[Material for this task]
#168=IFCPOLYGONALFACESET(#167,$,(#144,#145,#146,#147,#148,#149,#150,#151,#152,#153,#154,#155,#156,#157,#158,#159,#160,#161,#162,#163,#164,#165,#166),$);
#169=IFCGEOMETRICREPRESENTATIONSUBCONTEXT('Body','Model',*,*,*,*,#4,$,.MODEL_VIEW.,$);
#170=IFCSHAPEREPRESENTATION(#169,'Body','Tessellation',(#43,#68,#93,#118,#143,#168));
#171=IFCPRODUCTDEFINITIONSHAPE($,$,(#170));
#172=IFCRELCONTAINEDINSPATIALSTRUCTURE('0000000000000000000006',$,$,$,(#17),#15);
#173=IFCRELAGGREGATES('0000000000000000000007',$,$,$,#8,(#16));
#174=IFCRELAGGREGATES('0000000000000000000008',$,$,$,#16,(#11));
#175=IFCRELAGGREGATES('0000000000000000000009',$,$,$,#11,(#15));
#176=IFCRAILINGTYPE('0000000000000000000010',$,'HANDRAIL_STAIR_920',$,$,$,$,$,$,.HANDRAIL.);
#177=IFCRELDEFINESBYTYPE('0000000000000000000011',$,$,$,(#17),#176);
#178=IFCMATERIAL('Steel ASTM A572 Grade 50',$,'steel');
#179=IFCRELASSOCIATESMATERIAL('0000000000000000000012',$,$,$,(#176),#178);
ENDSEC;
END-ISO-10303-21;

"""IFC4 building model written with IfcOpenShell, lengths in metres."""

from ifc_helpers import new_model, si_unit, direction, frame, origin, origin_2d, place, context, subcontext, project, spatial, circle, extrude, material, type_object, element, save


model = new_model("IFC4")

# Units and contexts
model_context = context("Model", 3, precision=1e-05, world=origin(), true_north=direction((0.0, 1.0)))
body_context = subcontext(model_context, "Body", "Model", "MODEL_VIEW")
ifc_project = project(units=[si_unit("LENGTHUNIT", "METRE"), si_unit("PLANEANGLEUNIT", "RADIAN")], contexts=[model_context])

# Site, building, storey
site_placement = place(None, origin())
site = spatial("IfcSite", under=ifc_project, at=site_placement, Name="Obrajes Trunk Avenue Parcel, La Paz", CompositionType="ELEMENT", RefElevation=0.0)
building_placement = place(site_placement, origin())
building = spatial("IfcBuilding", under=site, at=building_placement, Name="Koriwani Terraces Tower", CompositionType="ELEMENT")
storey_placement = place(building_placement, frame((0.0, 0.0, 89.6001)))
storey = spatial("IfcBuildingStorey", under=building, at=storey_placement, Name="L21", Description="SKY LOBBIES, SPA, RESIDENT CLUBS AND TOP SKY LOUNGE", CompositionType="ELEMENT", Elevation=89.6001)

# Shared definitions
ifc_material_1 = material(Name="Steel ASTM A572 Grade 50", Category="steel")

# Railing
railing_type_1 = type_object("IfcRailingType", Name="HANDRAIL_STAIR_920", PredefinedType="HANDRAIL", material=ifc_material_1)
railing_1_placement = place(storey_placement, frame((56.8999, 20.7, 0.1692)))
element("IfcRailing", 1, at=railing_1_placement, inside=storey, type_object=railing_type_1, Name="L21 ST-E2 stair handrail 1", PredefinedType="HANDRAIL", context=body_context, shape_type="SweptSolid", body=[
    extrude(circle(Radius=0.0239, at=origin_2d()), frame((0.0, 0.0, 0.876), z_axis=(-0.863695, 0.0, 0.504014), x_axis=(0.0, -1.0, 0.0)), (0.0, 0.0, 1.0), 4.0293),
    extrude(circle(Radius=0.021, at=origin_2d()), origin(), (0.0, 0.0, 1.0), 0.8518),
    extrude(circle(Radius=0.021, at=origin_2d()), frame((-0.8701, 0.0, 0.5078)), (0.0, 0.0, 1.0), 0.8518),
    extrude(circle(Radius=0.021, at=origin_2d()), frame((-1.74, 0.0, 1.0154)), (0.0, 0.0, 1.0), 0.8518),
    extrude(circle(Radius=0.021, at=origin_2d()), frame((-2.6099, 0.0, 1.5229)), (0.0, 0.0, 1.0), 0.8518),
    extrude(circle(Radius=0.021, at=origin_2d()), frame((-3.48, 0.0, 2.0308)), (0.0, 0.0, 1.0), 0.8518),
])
[/Material for this task]
[Material for this task]
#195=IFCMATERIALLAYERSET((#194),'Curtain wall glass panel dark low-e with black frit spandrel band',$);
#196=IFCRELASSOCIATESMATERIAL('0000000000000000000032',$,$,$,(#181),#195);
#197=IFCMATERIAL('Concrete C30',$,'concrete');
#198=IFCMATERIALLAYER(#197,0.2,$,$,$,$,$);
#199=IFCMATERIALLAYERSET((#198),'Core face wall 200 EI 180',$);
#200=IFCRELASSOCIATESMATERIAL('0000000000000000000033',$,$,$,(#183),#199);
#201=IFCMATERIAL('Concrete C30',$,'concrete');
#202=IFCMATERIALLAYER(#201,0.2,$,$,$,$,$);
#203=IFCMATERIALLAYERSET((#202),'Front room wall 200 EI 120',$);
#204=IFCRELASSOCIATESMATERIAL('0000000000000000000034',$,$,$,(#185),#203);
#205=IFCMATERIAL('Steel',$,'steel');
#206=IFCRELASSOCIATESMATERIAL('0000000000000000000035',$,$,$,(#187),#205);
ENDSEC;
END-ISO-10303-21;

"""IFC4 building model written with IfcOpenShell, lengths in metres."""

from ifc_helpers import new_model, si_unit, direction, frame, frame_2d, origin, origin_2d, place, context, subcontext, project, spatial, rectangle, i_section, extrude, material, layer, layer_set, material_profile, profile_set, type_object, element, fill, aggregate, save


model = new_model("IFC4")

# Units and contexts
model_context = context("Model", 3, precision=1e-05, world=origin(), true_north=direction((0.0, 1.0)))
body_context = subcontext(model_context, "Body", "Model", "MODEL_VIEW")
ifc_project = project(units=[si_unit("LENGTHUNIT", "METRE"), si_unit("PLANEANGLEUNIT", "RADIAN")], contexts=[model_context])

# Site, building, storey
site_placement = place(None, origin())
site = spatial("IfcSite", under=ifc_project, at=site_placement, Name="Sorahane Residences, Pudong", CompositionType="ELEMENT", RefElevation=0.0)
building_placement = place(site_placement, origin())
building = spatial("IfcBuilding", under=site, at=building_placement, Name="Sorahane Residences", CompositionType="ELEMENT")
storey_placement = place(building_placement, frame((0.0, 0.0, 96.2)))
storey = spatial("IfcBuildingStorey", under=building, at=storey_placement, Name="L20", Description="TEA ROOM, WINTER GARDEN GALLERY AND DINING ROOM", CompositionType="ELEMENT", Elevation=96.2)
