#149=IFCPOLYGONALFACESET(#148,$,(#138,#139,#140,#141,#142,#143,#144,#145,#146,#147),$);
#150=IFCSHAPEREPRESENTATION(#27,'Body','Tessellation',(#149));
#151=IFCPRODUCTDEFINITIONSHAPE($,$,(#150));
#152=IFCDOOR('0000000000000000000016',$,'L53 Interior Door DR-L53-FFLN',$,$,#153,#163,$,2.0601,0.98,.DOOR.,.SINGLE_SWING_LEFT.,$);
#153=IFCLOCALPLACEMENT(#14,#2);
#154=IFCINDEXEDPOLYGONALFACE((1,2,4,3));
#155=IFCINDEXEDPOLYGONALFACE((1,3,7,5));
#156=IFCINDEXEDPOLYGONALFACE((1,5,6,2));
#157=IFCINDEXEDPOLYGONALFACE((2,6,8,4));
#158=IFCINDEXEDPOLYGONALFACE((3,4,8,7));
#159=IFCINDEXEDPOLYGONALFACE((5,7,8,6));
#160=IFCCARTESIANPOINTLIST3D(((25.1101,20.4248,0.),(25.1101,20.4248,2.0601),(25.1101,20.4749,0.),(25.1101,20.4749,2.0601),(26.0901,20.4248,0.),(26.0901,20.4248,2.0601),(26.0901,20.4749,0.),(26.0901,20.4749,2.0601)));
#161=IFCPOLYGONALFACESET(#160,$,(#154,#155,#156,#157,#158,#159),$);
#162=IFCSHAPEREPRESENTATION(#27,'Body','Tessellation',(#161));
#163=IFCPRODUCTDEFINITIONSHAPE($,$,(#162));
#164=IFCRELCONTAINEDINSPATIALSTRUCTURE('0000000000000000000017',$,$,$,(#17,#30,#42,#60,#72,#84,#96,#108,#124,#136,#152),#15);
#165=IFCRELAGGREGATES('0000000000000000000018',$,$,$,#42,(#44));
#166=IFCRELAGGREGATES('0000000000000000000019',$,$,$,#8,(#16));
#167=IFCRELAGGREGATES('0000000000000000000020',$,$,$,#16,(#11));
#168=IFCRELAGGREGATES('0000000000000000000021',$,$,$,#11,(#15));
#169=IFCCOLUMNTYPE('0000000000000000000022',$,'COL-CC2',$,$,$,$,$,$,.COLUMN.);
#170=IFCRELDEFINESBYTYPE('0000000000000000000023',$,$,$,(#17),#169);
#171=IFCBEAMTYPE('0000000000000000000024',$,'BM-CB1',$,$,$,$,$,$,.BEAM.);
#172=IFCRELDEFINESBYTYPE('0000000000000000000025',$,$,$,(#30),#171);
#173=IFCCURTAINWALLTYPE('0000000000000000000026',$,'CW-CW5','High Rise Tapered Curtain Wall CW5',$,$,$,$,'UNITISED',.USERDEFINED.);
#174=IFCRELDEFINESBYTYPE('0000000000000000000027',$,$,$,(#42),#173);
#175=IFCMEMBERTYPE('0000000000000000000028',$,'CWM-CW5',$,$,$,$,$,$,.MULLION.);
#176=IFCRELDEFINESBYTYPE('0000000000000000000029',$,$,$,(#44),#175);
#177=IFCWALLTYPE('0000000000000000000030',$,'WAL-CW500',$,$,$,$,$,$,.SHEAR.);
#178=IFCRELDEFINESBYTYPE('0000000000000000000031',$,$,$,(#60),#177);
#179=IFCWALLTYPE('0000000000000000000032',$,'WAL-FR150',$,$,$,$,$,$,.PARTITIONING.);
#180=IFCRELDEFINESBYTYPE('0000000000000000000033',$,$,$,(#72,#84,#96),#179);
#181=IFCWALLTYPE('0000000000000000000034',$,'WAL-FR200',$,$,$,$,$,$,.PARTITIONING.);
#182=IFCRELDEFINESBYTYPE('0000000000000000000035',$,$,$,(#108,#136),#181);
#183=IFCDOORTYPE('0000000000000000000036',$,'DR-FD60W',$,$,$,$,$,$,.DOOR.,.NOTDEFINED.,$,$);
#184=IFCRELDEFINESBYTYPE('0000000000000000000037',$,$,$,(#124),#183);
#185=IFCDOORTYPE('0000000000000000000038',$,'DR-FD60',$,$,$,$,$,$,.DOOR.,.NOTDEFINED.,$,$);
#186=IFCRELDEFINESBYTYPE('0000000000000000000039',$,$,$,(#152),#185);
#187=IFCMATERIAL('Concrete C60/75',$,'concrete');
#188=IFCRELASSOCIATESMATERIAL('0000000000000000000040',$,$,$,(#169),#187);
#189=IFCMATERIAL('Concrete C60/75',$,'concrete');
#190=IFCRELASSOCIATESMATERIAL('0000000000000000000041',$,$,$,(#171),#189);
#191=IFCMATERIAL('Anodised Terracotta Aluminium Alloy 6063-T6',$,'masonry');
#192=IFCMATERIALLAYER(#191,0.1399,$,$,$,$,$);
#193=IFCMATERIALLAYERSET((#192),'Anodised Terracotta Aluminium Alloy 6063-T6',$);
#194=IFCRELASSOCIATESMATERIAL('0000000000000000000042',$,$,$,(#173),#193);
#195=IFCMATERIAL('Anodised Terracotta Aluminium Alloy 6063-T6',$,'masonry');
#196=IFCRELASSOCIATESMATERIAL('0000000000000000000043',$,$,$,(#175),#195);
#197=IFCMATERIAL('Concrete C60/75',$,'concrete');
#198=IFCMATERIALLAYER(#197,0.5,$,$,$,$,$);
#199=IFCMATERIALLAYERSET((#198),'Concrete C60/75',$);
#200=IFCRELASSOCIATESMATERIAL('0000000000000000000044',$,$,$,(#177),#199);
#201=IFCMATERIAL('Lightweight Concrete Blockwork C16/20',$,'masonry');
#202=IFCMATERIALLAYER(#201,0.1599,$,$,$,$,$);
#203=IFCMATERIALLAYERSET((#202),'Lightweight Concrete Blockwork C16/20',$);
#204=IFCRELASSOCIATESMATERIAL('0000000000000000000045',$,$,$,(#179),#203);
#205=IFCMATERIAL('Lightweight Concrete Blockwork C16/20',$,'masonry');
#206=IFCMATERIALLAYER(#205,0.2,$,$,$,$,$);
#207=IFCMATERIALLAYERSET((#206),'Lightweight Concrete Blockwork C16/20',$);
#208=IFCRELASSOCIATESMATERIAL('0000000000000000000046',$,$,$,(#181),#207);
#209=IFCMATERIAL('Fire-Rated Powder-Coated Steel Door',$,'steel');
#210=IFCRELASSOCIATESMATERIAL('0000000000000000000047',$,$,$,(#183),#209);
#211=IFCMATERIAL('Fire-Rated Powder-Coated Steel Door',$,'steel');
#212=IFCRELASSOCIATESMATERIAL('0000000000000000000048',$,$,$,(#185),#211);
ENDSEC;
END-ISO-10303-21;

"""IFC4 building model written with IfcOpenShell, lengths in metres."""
[/Material for this task]
### What is being asked
Note each line of the material holding "Lightweight" and copy it out.

### Response area
#201=IFCMATERIAL('Lightweight Concrete Blockwork C16/20',$,'masonry');
#203=IFCMATERIALLAYERSET((#202),'Lightweight Concrete Blockwork C16/20',$);
#205=IFCMATERIAL('Lightweight Concrete Blockwork C16/20',$,'masonry');
#207=IFCMATERIALLAYERSET((#206),'Lightweight Concrete Blockwork C16/20',$);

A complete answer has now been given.